From the entries that follow, copy each line in which "subcontext" appears.

***

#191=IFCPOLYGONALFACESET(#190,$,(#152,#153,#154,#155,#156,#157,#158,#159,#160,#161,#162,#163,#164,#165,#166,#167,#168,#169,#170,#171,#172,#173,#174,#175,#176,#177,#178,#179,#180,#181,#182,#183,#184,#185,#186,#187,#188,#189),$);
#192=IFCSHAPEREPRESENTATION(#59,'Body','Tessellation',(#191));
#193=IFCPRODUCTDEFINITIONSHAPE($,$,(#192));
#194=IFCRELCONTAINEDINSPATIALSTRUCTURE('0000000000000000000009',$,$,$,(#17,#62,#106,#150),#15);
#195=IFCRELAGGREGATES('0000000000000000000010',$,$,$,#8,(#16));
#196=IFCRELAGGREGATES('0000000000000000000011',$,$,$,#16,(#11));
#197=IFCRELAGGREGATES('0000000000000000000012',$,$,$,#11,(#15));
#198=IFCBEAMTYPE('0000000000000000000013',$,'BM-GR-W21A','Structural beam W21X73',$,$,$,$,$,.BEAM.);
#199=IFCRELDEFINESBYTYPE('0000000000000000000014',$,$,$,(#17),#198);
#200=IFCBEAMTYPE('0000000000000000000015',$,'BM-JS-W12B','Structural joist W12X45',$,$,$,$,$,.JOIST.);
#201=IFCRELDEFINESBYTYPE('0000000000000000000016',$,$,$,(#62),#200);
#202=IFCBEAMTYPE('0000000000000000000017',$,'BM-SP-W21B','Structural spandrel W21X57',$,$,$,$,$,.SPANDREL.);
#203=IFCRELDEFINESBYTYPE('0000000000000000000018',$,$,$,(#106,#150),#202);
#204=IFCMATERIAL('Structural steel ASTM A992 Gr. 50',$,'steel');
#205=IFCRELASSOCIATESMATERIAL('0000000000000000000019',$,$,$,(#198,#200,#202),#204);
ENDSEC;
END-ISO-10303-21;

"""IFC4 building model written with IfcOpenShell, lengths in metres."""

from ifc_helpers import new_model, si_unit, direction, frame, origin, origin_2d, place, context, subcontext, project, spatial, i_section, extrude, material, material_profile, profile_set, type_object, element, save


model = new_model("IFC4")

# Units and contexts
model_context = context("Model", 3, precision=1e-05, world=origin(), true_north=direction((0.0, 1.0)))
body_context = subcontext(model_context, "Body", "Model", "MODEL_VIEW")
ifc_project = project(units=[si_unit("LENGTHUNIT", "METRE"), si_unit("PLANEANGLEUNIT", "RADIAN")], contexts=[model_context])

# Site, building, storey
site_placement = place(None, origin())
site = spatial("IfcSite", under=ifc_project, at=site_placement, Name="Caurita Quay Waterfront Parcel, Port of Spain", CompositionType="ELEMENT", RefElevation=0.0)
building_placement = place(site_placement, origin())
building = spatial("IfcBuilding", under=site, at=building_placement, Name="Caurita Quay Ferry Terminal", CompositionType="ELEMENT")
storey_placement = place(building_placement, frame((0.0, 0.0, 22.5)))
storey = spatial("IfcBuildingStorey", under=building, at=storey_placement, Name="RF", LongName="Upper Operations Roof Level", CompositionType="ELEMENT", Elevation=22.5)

***

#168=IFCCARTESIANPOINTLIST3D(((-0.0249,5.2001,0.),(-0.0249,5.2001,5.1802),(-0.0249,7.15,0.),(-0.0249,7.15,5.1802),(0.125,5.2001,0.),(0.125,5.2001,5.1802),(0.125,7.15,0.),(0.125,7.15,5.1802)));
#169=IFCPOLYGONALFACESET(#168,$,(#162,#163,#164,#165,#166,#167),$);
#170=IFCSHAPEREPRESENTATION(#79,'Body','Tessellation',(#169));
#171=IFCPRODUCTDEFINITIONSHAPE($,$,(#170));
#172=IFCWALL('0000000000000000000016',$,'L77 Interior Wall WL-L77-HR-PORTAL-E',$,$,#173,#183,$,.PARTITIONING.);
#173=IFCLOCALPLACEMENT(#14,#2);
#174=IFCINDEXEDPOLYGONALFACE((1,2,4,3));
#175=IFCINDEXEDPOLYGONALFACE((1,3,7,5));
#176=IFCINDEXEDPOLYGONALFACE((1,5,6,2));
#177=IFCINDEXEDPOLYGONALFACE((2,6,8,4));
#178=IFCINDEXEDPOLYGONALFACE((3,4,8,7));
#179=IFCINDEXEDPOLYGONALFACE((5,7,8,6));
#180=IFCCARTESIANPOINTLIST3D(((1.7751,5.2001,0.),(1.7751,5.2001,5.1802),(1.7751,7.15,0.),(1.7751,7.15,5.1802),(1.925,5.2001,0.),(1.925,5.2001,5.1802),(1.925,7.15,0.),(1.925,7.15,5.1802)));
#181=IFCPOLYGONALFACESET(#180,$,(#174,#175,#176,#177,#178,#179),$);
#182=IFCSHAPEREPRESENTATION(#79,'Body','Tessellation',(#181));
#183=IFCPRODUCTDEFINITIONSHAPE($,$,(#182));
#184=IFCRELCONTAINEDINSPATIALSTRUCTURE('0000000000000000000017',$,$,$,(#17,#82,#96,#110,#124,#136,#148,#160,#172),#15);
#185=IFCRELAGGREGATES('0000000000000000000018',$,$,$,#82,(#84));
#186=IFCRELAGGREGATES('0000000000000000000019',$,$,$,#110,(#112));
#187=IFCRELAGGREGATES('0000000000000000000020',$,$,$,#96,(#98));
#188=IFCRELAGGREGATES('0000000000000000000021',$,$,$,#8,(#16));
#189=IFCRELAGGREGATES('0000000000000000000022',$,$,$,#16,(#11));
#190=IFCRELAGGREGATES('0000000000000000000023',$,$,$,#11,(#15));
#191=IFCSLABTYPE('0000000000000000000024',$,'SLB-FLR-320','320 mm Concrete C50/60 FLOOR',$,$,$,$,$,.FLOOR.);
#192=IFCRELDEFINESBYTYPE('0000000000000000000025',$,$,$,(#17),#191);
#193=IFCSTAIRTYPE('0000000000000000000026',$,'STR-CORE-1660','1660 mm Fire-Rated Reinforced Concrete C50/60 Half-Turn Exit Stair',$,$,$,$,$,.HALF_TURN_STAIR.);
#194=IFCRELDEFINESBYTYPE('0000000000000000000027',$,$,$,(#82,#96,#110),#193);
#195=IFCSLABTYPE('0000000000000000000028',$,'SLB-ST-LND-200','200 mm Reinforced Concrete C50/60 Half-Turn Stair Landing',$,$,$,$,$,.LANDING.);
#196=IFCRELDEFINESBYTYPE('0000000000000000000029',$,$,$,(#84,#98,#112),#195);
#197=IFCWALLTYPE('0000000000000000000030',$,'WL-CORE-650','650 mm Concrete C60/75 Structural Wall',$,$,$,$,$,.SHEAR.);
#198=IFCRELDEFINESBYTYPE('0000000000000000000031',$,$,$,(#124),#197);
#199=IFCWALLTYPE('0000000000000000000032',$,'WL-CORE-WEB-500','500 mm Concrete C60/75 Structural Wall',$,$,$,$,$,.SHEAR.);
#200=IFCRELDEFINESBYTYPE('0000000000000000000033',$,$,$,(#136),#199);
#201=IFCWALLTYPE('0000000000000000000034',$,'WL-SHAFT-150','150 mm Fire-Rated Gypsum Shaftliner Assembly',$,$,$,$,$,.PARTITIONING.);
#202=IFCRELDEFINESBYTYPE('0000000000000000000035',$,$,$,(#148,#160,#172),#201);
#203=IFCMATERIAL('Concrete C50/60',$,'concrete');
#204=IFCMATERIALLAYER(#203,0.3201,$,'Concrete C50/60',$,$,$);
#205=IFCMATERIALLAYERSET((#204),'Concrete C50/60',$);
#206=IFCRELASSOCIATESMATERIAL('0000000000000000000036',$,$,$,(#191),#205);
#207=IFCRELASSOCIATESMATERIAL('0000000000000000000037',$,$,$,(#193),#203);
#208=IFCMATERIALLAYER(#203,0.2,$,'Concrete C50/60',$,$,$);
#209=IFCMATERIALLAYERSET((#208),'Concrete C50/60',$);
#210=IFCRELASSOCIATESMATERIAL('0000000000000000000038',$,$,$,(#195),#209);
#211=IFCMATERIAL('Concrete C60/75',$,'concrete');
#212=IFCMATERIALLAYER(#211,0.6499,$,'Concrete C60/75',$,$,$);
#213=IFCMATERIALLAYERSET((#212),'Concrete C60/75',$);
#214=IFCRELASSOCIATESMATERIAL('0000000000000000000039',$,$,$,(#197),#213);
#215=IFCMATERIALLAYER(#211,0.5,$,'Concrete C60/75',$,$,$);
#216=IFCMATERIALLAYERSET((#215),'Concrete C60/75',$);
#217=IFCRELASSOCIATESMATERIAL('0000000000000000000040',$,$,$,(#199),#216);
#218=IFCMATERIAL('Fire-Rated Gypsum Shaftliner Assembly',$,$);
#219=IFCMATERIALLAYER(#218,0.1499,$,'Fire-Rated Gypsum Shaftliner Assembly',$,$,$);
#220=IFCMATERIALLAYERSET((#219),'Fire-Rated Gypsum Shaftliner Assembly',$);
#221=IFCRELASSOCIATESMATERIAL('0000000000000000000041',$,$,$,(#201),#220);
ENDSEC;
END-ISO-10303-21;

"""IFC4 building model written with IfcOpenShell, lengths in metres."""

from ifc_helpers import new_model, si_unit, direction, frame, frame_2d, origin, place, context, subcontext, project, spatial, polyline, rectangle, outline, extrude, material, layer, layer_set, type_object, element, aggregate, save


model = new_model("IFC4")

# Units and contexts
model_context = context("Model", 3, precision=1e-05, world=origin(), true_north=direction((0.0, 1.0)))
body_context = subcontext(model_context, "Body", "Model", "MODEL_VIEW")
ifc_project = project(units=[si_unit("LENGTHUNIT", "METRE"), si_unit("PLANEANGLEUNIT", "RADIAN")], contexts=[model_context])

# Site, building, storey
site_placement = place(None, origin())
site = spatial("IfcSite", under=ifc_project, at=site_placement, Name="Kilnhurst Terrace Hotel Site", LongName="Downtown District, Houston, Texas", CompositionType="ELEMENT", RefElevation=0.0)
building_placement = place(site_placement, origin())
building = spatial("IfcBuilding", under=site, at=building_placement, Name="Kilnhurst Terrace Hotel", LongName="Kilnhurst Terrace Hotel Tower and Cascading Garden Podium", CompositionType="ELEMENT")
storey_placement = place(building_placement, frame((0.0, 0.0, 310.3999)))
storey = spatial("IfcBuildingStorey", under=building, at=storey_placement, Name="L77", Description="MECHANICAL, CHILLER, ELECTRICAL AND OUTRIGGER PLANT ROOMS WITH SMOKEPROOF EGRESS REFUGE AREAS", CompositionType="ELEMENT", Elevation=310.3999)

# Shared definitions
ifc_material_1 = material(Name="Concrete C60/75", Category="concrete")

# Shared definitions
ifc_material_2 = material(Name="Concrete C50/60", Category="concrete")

***

TASK SOLUTION
from ifc_helpers import new_model, si_unit, direction, frame, origin, origin_2d, place, context, subcontext, project, spatial, i_section, extrude, material, material_profile, profile_set, type_object, element, save
body_context = subcontext(model_context, "Body", "Model", "MODEL_VIEW")
from ifc_helpers import new_model, si_unit, direction, frame, frame_2d, origin, place, context, subcontext, project, spatial, polyline, rectangle, outline, extrude, material, layer, layer_set, type_object, element, aggregate, save
body_context = subcontext(model_context, "Body", "Model", "MODEL_VIEW")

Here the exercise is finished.